Below are the records; give again exactly the line with "#112=IFCINDEXEDPOLYGONALFACE((34,36,40,38));", the line with "#122=IFCINDEXEDPOLYGONALFACE((54,56,60,58));", and each line that lies between them, and nothing besides.

━━━ STUDY MATERIAL

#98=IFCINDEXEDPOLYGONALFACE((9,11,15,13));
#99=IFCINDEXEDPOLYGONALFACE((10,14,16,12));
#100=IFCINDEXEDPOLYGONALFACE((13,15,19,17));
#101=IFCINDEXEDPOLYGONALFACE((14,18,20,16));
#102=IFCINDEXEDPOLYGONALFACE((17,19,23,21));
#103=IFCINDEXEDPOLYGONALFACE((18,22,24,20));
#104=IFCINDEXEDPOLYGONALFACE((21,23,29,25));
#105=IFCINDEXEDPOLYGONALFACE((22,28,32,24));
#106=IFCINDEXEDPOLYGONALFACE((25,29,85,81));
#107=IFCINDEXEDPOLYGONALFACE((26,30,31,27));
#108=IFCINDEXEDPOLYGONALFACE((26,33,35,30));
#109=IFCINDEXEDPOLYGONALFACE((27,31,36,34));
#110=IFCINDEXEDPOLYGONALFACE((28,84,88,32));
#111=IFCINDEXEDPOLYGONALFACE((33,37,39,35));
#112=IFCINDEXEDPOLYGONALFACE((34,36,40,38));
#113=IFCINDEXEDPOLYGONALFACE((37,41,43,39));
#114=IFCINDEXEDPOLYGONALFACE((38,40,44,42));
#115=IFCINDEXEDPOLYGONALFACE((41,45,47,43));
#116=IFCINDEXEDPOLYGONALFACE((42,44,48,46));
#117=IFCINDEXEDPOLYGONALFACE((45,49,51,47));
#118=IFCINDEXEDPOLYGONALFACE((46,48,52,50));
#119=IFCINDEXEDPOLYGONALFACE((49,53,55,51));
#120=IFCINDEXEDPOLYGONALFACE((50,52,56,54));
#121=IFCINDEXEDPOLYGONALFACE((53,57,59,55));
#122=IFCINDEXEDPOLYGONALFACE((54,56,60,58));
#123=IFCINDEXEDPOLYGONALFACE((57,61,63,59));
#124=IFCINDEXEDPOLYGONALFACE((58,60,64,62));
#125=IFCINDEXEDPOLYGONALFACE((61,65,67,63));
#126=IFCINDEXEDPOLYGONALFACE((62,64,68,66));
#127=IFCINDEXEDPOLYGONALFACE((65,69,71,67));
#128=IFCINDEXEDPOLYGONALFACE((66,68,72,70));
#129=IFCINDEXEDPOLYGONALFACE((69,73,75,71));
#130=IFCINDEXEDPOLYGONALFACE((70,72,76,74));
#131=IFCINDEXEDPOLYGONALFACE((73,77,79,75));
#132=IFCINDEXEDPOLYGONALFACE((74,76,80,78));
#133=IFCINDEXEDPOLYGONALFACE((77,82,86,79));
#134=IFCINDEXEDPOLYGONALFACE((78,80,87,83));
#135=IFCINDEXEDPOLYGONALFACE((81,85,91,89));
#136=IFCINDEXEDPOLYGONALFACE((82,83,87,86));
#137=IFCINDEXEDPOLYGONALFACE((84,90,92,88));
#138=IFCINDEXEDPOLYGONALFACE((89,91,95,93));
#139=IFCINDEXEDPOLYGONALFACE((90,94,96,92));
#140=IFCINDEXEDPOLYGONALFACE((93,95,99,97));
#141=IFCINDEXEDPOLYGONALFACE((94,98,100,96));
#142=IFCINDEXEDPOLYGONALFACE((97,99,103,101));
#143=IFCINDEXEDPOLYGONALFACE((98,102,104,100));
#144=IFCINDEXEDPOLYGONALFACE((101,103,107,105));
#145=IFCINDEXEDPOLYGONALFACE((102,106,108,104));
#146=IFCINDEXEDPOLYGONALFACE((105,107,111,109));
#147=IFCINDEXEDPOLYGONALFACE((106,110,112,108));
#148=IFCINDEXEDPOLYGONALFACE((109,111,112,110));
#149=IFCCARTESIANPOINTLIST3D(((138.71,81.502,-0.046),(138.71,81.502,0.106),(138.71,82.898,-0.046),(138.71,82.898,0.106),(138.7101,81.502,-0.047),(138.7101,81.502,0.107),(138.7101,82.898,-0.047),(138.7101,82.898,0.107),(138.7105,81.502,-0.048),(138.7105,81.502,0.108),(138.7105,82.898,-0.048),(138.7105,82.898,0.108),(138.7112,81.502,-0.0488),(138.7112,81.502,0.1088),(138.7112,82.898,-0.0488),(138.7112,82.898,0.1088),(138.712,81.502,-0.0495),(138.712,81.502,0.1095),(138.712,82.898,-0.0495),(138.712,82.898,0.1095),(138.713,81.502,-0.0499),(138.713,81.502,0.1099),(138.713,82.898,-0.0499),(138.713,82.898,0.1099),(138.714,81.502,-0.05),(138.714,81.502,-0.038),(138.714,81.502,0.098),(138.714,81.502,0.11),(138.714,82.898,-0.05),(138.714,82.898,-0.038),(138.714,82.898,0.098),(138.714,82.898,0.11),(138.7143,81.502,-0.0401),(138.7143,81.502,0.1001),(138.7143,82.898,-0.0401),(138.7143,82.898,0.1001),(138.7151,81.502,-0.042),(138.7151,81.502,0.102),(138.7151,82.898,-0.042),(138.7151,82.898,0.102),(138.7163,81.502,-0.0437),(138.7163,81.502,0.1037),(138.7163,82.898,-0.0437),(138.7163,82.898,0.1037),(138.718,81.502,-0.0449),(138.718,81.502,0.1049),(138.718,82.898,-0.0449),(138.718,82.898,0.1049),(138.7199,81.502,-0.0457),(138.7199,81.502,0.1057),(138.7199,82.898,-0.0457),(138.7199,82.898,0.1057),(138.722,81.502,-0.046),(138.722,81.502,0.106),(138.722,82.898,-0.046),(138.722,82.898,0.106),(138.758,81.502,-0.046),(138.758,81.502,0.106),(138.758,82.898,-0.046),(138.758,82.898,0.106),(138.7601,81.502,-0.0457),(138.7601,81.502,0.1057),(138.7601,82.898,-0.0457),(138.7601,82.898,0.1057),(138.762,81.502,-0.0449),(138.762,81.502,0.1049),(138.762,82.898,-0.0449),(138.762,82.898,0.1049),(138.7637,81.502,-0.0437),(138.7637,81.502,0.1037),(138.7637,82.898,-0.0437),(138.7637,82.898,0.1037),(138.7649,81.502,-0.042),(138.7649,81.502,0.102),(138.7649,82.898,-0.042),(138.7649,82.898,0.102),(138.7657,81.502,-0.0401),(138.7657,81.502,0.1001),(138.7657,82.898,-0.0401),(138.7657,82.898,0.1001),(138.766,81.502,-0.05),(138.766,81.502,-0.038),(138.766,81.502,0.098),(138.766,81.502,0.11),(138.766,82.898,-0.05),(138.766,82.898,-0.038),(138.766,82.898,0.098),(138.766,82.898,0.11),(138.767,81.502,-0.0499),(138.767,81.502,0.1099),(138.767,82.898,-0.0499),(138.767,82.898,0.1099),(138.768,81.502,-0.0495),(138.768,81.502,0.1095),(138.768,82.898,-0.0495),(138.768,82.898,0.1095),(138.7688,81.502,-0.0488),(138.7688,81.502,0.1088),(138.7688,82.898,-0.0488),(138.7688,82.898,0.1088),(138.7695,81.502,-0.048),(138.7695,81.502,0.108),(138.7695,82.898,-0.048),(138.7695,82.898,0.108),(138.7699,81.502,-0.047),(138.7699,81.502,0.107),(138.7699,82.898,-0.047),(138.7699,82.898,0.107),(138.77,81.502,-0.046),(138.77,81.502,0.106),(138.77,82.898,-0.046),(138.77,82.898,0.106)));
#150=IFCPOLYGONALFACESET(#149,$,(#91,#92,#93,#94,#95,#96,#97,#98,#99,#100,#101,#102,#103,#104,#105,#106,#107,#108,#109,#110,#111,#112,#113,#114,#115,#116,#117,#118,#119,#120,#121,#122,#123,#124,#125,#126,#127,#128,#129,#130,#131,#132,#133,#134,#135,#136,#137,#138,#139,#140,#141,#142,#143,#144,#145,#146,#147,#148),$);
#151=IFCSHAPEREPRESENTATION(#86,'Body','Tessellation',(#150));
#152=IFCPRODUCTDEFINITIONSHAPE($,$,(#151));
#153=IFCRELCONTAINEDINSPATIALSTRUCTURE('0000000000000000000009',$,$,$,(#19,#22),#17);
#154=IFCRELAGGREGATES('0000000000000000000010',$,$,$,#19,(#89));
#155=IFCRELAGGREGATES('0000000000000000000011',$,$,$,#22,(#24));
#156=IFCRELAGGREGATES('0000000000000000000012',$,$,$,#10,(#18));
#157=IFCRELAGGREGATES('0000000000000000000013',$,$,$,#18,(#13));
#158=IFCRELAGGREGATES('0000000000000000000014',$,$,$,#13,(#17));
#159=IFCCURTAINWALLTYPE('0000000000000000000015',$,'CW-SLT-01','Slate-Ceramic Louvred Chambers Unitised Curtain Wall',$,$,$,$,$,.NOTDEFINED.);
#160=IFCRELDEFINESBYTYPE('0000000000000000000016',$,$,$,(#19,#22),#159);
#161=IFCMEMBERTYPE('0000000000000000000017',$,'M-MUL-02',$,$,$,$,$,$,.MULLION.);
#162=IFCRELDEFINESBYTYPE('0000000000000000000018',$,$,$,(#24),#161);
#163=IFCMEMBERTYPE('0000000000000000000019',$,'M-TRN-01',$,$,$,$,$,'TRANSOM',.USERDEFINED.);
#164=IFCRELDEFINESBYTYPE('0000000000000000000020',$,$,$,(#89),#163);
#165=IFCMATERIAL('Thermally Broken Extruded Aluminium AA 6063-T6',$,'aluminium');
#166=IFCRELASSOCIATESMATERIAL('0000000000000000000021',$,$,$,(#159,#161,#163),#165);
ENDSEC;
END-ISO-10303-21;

━━━━━━

#### OUTPUT OF THE EXERCISE:
#112=IFCINDEXEDPOLYGONALFACE((34,36,40,38));
#113=IFCINDEXEDPOLYGONALFACE((37,41,43,39));
#114=IFCINDEXEDPOLYGONALFACE((38,40,44,42));
#115=IFCINDEXEDPOLYGONALFACE((41,45,47,43));
#116=IFCINDEXEDPOLYGONALFACE((42,44,48,46));
#117=IFCINDEXEDPOLYGONALFACE((45,49,51,47));
#118=IFCINDEXEDPOLYGONALFACE((46,48,52,50));
#119=IFCINDEXEDPOLYGONALFACE((49,53,55,51));
#120=IFCINDEXEDPOLYGONALFACE((50,52,56,54));
#121=IFCINDEXEDPOLYGONALFACE((53,57,59,55));
#122=IFCINDEXEDPOLYGONALFACE((54,56,60,58));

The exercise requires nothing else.